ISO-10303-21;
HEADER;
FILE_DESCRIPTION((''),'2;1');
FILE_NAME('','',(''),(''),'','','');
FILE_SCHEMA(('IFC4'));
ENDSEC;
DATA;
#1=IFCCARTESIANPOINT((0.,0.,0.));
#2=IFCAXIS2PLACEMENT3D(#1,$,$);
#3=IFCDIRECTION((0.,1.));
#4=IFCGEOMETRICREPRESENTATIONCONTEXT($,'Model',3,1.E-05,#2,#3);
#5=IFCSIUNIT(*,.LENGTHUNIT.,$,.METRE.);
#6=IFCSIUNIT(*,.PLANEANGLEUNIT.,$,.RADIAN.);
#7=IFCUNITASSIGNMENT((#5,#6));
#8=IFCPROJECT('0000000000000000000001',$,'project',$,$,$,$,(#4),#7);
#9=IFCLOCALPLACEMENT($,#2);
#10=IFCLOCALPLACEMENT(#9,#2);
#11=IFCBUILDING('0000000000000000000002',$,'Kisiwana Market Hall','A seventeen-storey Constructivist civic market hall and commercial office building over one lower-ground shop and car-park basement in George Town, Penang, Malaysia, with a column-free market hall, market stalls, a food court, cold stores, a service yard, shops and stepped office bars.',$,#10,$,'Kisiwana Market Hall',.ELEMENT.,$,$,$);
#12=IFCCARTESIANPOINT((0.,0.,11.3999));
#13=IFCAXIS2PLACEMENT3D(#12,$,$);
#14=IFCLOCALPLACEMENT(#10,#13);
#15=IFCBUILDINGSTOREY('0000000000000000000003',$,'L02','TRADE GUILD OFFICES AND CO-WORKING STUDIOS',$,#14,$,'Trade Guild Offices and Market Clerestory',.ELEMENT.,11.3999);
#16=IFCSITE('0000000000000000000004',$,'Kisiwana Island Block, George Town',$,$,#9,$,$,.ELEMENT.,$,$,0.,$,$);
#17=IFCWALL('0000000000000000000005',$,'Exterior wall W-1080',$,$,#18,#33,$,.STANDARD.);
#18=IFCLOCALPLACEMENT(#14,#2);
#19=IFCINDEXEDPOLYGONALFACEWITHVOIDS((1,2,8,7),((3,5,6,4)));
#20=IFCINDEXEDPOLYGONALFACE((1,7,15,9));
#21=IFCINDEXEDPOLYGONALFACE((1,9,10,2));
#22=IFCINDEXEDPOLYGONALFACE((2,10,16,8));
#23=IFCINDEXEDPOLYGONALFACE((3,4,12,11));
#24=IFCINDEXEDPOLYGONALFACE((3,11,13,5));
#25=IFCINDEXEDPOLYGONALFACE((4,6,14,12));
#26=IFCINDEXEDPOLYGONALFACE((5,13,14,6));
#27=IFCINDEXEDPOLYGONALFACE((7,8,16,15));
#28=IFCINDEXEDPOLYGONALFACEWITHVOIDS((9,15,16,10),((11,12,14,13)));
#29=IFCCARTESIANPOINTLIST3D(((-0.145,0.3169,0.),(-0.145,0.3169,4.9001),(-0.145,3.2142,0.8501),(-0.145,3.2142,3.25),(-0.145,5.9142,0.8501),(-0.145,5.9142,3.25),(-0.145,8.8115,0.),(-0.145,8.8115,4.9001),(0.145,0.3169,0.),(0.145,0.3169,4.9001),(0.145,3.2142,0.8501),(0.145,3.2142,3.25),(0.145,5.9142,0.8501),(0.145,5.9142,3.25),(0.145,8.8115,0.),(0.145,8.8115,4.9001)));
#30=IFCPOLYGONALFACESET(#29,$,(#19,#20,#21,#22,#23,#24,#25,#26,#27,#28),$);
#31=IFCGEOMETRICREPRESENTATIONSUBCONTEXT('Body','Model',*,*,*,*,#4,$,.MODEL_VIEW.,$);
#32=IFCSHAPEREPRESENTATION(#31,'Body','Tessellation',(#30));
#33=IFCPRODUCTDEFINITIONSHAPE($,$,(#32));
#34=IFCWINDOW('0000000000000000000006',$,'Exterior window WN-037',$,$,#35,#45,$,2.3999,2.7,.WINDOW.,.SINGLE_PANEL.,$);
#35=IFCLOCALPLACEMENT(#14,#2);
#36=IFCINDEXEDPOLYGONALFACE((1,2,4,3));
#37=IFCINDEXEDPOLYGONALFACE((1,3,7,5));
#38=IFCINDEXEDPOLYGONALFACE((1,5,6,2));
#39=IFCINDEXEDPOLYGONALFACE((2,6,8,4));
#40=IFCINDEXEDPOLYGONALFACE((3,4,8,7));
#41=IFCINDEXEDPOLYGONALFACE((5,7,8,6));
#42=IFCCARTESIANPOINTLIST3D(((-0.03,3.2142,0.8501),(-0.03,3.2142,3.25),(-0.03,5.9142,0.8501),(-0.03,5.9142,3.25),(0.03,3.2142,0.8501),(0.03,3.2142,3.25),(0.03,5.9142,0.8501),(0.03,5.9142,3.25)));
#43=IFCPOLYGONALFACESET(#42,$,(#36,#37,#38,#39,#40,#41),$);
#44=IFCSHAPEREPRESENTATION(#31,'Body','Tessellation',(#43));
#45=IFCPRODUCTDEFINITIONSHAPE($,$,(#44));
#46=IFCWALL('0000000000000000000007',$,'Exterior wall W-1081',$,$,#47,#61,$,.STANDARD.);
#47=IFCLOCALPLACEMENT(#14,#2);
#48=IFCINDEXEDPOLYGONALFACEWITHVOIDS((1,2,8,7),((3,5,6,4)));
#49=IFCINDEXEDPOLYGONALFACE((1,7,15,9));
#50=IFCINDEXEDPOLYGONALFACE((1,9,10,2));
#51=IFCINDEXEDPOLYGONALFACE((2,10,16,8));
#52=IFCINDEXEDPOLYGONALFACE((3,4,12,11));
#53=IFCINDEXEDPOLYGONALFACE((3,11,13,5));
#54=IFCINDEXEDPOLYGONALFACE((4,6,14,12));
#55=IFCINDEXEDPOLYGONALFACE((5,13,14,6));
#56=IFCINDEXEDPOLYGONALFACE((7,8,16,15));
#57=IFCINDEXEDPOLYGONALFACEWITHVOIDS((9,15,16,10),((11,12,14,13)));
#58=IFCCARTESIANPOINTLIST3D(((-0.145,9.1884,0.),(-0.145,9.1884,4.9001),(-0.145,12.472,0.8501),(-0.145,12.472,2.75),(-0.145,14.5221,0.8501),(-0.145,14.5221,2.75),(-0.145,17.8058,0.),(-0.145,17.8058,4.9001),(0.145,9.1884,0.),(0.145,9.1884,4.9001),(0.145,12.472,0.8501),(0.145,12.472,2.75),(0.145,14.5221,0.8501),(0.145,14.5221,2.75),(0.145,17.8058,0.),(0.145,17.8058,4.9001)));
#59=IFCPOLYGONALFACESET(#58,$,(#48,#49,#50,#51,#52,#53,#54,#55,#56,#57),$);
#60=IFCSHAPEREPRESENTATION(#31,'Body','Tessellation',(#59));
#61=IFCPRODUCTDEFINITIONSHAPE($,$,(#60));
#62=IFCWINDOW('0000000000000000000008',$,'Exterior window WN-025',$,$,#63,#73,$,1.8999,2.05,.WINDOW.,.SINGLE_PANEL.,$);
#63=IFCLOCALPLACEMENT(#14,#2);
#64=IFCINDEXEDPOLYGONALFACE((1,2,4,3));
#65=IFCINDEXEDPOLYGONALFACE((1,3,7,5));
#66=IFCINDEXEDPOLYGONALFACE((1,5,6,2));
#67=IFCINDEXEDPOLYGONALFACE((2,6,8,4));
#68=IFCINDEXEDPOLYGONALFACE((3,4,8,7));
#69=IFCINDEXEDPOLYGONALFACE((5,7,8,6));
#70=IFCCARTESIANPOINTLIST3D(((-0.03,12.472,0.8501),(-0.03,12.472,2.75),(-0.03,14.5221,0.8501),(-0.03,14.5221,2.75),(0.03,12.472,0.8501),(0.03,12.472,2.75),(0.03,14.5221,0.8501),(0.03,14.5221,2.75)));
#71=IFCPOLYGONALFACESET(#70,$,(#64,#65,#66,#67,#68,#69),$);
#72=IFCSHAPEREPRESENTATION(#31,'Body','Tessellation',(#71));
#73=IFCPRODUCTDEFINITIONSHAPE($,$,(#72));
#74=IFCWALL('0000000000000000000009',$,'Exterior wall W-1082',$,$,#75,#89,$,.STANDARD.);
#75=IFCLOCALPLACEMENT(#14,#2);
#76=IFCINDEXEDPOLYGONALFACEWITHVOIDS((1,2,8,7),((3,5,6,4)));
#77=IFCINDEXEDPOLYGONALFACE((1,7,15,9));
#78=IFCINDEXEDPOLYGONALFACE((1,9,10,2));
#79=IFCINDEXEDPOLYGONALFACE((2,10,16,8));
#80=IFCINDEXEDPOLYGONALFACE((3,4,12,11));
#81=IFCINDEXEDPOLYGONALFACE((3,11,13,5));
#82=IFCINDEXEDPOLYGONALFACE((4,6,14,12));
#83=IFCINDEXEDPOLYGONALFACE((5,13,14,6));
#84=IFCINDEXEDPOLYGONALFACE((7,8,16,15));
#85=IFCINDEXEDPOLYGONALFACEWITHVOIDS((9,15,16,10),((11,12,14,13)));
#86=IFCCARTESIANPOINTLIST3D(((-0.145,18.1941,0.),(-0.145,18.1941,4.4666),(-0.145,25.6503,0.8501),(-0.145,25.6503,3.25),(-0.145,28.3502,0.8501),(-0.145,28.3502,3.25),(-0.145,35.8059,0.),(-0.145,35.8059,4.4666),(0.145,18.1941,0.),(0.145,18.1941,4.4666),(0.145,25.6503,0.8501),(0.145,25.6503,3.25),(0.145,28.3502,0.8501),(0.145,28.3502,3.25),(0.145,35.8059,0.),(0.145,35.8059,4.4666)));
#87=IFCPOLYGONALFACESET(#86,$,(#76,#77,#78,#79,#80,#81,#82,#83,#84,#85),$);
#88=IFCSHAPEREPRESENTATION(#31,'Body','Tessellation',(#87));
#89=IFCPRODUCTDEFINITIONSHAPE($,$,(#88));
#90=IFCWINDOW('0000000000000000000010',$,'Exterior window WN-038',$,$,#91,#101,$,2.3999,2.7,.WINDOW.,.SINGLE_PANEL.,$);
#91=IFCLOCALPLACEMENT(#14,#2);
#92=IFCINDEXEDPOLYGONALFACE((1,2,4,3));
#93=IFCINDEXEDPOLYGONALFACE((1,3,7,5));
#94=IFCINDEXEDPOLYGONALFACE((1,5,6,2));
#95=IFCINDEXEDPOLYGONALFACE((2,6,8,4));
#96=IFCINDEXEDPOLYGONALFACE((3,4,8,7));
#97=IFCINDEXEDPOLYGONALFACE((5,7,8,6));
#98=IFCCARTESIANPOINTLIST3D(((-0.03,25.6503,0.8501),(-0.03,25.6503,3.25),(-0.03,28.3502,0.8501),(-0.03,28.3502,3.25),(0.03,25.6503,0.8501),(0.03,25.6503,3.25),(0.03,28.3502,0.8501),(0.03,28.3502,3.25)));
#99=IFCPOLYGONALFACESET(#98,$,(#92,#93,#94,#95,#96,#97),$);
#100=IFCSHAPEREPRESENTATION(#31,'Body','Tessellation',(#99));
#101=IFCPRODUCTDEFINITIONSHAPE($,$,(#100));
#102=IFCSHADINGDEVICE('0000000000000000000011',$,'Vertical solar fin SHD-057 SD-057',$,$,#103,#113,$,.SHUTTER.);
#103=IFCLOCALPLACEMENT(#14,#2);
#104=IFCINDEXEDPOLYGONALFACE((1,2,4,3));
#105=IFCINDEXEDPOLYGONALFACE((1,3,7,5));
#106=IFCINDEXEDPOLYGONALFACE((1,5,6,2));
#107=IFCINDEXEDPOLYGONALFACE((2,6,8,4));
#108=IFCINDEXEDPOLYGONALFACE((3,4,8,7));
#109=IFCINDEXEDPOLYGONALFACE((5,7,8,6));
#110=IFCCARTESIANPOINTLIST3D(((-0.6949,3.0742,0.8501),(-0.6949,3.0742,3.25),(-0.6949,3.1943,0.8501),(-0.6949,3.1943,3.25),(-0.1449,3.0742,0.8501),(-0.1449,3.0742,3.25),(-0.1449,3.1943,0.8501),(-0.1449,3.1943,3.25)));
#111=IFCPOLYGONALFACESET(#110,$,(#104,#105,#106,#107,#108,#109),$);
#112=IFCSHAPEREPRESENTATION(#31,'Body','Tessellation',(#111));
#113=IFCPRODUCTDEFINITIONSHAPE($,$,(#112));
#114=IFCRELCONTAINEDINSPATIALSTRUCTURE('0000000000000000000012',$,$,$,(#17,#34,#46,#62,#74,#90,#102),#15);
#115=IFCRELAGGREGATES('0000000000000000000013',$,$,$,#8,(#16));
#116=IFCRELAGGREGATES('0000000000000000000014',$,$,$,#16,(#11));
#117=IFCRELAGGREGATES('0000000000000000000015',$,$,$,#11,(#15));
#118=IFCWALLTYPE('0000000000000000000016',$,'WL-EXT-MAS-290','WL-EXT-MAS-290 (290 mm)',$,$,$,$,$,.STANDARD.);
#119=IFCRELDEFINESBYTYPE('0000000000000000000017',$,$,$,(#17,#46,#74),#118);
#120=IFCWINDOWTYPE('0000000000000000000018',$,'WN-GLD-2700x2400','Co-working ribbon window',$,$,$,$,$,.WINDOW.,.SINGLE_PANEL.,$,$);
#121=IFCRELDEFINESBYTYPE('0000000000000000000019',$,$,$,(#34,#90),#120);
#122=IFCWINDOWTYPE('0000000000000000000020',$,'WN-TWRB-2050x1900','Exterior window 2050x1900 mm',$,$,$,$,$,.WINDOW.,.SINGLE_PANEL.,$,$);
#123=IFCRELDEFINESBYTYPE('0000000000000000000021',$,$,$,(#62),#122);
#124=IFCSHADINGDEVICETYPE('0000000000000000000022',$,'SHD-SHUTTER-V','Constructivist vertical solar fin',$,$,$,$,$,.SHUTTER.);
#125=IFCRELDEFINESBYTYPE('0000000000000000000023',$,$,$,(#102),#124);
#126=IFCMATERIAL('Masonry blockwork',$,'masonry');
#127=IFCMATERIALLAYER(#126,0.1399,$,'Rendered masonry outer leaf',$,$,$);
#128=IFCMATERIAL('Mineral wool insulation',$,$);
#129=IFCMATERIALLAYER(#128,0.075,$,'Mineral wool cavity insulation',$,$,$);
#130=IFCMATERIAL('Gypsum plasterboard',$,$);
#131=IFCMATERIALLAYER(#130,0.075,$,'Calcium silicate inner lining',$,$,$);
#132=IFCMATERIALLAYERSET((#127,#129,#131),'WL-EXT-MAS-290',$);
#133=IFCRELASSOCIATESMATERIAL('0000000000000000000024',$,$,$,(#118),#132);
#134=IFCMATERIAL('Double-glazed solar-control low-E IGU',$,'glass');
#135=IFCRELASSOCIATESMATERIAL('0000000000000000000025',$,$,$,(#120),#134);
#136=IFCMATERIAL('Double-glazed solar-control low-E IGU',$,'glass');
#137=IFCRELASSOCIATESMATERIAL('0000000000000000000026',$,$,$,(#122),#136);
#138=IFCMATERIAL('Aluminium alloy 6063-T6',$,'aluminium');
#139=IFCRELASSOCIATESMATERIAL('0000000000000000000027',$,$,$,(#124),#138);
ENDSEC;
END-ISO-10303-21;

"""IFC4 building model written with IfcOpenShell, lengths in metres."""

from ifc_helpers import new_model, si_unit, direction, frame, frame_2d, origin, origin_2d, place, context, subcontext, project, spatial, rectangle, extrude, material, layer, layer_set, type_object, element, fill, save


model = new_model("IFC4")

# Units and contexts
model_context = context("Model", 3, precision=1e-05, world=origin(), true_north=direction((0.0, 1.0)))
body_context = subcontext(model_context, "Body", "Model", "MODEL_VIEW")
ifc_project = project(units=[si_unit("LENGTHUNIT", "METRE"), si_unit("PLANEANGLEUNIT", "RADIAN")], contexts=[model_context])

# Site, building, storey
site_placement = place(None, origin())
site = spatial("IfcSite", under=ifc_project, at=site_placement, Name="Kisiwana Island Block, George Town", CompositionType="ELEMENT", RefElevation=0.0)
building_placement = place(site_placement, origin())
building = spatial("IfcBuilding", under=site, at=building_placement, Name="Kisiwana Market Hall", Description="A seventeen-storey Constructivist civic market hall and commercial office building over one lower-ground shop and car-park basement in George Town, Penang, Malaysia, with a column-free market hall, market stalls, a food court, cold stores, a service yard, shops and stepped office bars.", LongName="Kisiwana Market Hall", CompositionType="ELEMENT")
storey_placement = place(building_placement, frame((0.0, 0.0, 11.3999)))
storey = spatial("IfcBuildingStorey", under=building, at=storey_placement, Name="L02", Description="TRADE GUILD OFFICES AND CO-WORKING STUDIOS", LongName="Trade Guild Offices and Market Clerestory", CompositionType="ELEMENT", Elevation=11.3999)

# Walls, openings, windows
ifc_material_1 = material(Name="Masonry blockwork", Category="masonry")
ifc_layer_1 = layer(ifc_material_1, 0.1399, Name="Rendered masonry outer leaf")
ifc_material_2 = material(Name="Mineral wool insulation")
ifc_layer_2 = layer(ifc_material_2, 0.075, Name="Mineral wool cavity insulation")
ifc_material_3 = material(Name="Gypsum plasterboard")
ifc_layer_3 = layer(ifc_material_3, 0.075, Name="Calcium silicate inner lining")
ifc_layer_set_1 = layer_set([ifc_layer_1, ifc_layer_2, ifc_layer_3], Name="WL-EXT-MAS-290")
wall_type_1 = type_object("IfcWallType", Name="WL-EXT-MAS-290", Description="WL-EXT-MAS-290 (290 mm)", PredefinedType="STANDARD", material=ifc_layer_set_1)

----

All lines above from the one with "#75=IFCLOCALPLACEMENT(#14,#2);" to the one with "#89=IFCPRODUCTDEFINITIONSHAPE($,$,(#88));", inclusive, should be copied exactly, and no other lines.

#75=IFCLOCALPLACEMENT(#14,#2);
#76=IFCINDEXEDPOLYGONALFACEWITHVOIDS((1,2,8,7),((3,5,6,4)));
#77=IFCINDEXEDPOLYGONALFACE((1,7,15,9));
#78=IFCINDEXEDPOLYGONALFACE((1,9,10,2));
#79=IFCINDEXEDPOLYGONALFACE((2,10,16,8));
#80=IFCINDEXEDPOLYGONALFACE((3,4,12,11));
#81=IFCINDEXEDPOLYGONALFACE((3,11,13,5));
#82=IFCINDEXEDPOLYGONALFACE((4,6,14,12));
#83=IFCINDEXEDPOLYGONALFACE((5,13,14,6));
#84=IFCINDEXEDPOLYGONALFACE((7,8,16,15));
#85=IFCINDEXEDPOLYGONALFACEWITHVOIDS((9,15,16,10),((11,12,14,13)));
#86=IFCCARTESIANPOINTLIST3D(((-0.145,18.1941,0.),(-0.145,18.1941,4.4666),(-0.145,25.6503,0.8501),(-0.145,25.6503,3.25),(-0.145,28.3502,0.8501),(-0.145,28.3502,3.25),(-0.145,35.8059,0.),(-0.145,35.8059,4.4666),(0.145,18.1941,0.),(0.145,18.1941,4.4666),(0.145,25.6503,0.8501),(0.145,25.6503,3.25),(0.145,28.3502,0.8501),(0.145,28.3502,3.25),(0.145,35.8059,0.),(0.145,35.8059,4.4666)));
#87=IFCPOLYGONALFACESET(#86,$,(#76,#77,#78,#79,#80,#81,#82,#83,#84,#85),$);
#88=IFCSHAPEREPRESENTATION(#31,'Body','Tessellation',(#87));
#89=IFCPRODUCTDEFINITIONSHAPE($,$,(#88));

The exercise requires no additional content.